- What to do:
Hand back all of the records exactly as they read.

Stored records
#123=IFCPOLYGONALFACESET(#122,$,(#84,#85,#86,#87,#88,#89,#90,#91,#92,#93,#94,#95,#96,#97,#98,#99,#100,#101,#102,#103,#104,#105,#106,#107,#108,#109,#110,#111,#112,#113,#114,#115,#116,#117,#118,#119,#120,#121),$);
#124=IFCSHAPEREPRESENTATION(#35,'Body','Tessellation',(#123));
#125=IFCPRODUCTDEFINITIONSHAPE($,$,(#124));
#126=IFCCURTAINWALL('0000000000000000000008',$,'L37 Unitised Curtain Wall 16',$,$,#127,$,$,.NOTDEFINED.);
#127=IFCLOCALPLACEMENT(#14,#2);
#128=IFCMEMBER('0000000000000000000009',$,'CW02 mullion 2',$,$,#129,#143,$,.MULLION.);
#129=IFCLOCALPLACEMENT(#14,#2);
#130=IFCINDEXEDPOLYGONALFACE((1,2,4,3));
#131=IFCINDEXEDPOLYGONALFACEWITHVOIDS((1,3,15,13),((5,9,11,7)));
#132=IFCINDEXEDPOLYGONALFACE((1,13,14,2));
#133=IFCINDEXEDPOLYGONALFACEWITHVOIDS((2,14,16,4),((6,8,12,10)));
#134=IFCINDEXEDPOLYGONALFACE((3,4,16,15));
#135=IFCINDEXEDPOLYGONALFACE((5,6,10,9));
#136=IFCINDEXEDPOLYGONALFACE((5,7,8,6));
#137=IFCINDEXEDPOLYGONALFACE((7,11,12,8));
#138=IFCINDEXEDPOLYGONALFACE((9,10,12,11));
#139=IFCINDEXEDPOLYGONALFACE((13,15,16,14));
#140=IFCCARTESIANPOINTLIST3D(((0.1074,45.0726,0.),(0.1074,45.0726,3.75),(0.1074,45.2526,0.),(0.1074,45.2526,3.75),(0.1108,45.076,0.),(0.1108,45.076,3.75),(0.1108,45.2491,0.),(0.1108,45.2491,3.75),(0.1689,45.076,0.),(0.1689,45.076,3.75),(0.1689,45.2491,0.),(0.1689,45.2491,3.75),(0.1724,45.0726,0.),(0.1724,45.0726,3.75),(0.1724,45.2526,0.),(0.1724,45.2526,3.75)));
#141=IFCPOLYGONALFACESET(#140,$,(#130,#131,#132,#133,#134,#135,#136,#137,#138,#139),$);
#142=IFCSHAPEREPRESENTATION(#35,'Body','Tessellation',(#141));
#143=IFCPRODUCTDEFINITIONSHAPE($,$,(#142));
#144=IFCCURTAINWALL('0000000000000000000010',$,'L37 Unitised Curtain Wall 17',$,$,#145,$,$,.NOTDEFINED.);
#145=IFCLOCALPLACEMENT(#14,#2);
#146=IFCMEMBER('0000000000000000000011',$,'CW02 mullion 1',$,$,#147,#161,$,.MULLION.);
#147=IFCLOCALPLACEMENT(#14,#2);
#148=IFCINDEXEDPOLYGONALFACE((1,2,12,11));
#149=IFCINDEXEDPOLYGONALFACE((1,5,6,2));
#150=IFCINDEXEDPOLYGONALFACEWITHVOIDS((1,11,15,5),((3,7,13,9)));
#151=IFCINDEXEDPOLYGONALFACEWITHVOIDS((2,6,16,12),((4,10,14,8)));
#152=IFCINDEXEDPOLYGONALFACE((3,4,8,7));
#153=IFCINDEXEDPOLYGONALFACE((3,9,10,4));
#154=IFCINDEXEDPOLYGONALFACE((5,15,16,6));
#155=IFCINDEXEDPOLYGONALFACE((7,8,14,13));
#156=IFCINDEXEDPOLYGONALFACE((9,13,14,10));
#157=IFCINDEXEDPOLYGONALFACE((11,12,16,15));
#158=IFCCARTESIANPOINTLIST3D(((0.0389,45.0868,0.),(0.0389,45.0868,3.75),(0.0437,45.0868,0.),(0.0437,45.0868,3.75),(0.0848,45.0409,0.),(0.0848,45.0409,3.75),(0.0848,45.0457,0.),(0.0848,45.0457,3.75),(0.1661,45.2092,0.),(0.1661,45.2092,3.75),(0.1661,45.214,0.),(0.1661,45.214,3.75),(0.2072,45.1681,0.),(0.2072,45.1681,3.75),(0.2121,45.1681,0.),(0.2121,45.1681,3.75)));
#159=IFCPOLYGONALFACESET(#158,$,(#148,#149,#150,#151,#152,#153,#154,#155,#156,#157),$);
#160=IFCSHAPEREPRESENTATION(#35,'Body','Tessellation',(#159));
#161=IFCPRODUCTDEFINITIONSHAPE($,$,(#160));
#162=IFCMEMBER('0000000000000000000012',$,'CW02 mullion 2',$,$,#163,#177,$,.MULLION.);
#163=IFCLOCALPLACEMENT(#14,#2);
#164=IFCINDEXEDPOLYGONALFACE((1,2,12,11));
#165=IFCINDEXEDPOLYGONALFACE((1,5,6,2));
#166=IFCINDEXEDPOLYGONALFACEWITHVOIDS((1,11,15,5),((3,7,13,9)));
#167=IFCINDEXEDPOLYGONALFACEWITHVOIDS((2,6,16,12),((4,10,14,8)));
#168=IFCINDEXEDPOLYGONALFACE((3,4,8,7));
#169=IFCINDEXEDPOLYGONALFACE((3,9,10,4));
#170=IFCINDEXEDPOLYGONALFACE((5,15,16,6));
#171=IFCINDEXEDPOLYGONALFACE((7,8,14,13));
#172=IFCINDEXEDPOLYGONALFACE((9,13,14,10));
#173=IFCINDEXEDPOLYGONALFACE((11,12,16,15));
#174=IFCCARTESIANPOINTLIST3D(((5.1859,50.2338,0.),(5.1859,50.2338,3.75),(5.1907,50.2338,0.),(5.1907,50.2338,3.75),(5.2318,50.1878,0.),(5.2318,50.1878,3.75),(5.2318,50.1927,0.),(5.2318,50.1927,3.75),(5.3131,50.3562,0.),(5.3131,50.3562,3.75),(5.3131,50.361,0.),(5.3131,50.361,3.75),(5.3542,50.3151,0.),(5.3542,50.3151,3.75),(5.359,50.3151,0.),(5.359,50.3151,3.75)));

- Task answer:
#123=IFCPOLYGONALFACESET(#122,$,(#84,#85,#86,#87,#88,#89,#90,#91,#92,#93,#94,#95,#96,#97,#98,#99,#100,#101,#102,#103,#104,#105,#106,#107,#108,#109,#110,#111,#112,#113,#114,#115,#116,#117,#118,#119,#120,#121),$);
#124=IFCSHAPEREPRESENTATION(#35,'Body','Tessellation',(#123));
#125=IFCPRODUCTDEFINITIONSHAPE($,$,(#124));
#126=IFCCURTAINWALL('0000000000000000000008',$,'L37 Unitised Curtain Wall 16',$,$,#127,$,$,.NOTDEFINED.);
#127=IFCLOCALPLACEMENT(#14,#2);
#128=IFCMEMBER('0000000000000000000009',$,'CW02 mullion 2',$,$,#129,#143,$,.MULLION.);
#129=IFCLOCALPLACEMENT(#14,#2);
#130=IFCINDEXEDPOLYGONALFACE((1,2,4,3));
#131=IFCINDEXEDPOLYGONALFACEWITHVOIDS((1,3,15,13),((5,9,11,7)));
#132=IFCINDEXEDPOLYGONALFACE((1,13,14,2));
#133=IFCINDEXEDPOLYGONALFACEWITHVOIDS((2,14,16,4),((6,8,12,10)));
#134=IFCINDEXEDPOLYGONALFACE((3,4,16,15));
#135=IFCINDEXEDPOLYGONALFACE((5,6,10,9));
#136=IFCINDEXEDPOLYGONALFACE((5,7,8,6));
#137=IFCINDEXEDPOLYGONALFACE((7,11,12,8));
#138=IFCINDEXEDPOLYGONALFACE((9,10,12,11));
#139=IFCINDEXEDPOLYGONALFACE((13,15,16,14));
#140=IFCCARTESIANPOINTLIST3D(((0.1074,45.0726,0.),(0.1074,45.0726,3.75),(0.1074,45.2526,0.),(0.1074,45.2526,3.75),(0.1108,45.076,0.),(0.1108,45.076,3.75),(0.1108,45.2491,0.),(0.1108,45.2491,3.75),(0.1689,45.076,0.),(0.1689,45.076,3.75),(0.1689,45.2491,0.),(0.1689,45.2491,3.75),(0.1724,45.0726,0.),(0.1724,45.0726,3.75),(0.1724,45.2526,0.),(0.1724,45.2526,3.75)));
#141=IFCPOLYGONALFACESET(#140,$,(#130,#131,#132,#133,#134,#135,#136,#137,#138,#139),$);
#142=IFCSHAPEREPRESENTATION(#35,'Body','Tessellation',(#141));
#143=IFCPRODUCTDEFINITIONSHAPE($,$,(#142));
#144=IFCCURTAINWALL('0000000000000000000010',$,'L37 Unitised Curtain Wall 17',$,$,#145,$,$,.NOTDEFINED.);
#145=IFCLOCALPLACEMENT(#14,#2);
#146=IFCMEMBER('0000000000000000000011',$,'CW02 mullion 1',$,$,#147,#161,$,.MULLION.);
#147=IFCLOCALPLACEMENT(#14,#2);
#148=IFCINDEXEDPOLYGONALFACE((1,2,12,11));
#149=IFCINDEXEDPOLYGONALFACE((1,5,6,2));
#150=IFCINDEXEDPOLYGONALFACEWITHVOIDS((1,11,15,5),((3,7,13,9)));
#151=IFCINDEXEDPOLYGONALFACEWITHVOIDS((2,6,16,12),((4,10,14,8)));
#152=IFCINDEXEDPOLYGONALFACE((3,4,8,7));
#153=IFCINDEXEDPOLYGONALFACE((3,9,10,4));
#154=IFCINDEXEDPOLYGONALFACE((5,15,16,6));
#155=IFCINDEXEDPOLYGONALFACE((7,8,14,13));
#156=IFCINDEXEDPOLYGONALFACE((9,13,14,10));
#157=IFCINDEXEDPOLYGONALFACE((11,12,16,15));
#158=IFCCARTESIANPOINTLIST3D(((0.0389,45.0868,0.),(0.0389,45.0868,3.75),(0.0437,45.0868,0.),(0.0437,45.0868,3.75),(0.0848,45.0409,0.),(0.0848,45.0409,3.75),(0.0848,45.0457,0.),(0.0848,45.0457,3.75),(0.1661,45.2092,0.),(0.1661,45.2092,3.75),(0.1661,45.214,0.),(0.1661,45.214,3.75),(0.2072,45.1681,0.),(0.2072,45.1681,3.75),(0.2121,45.1681,0.),(0.2121,45.1681,3.75)));
#159=IFCPOLYGONALFACESET(#158,$,(#148,#149,#150,#151,#152,#153,#154,#155,#156,#157),$);
#160=IFCSHAPEREPRESENTATION(#35,'Body','Tessellation',(#159));
#161=IFCPRODUCTDEFINITIONSHAPE($,$,(#160));
#162=IFCMEMBER('0000000000000000000012',$,'CW02 mullion 2',$,$,#163,#177,$,.MULLION.);
#163=IFCLOCALPLACEMENT(#14,#2);
#164=IFCINDEXEDPOLYGONALFACE((1,2,12,11));
#165=IFCINDEXEDPOLYGONALFACE((1,5,6,2));
#166=IFCINDEXEDPOLYGONALFACEWITHVOIDS((1,11,15,5),((3,7,13,9)));
#167=IFCINDEXEDPOLYGONALFACEWITHVOIDS((2,6,16,12),((4,10,14,8)));
#168=IFCINDEXEDPOLYGONALFACE((3,4,8,7));
#169=IFCINDEXEDPOLYGONALFACE((3,9,10,4));
#170=IFCINDEXEDPOLYGONALFACE((5,15,16,6));
#171=IFCINDEXEDPOLYGONALFACE((7,8,14,13));
#172=IFCINDEXEDPOLYGONALFACE((9,13,14,10));
#173=IFCINDEXEDPOLYGONALFACE((11,12,16,15));
#174=IFCCARTESIANPOINTLIST3D(((5.1859,50.2338,0.),(5.1859,50.2338,3.75),(5.1907,50.2338,0.),(5.1907,50.2338,3.75),(5.2318,50.1878,0.),(5.2318,50.1878,3.75),(5.2318,50.1927,0.),(5.2318,50.1927,3.75),(5.3131,50.3562,0.),(5.3131,50.3562,3.75),(5.3131,50.361,0.),(5.3131,50.361,3.75),(5.3542,50.3151,0.),(5.3542,50.3151,3.75),(5.359,50.3151,0.),(5.359,50.3151,3.75)));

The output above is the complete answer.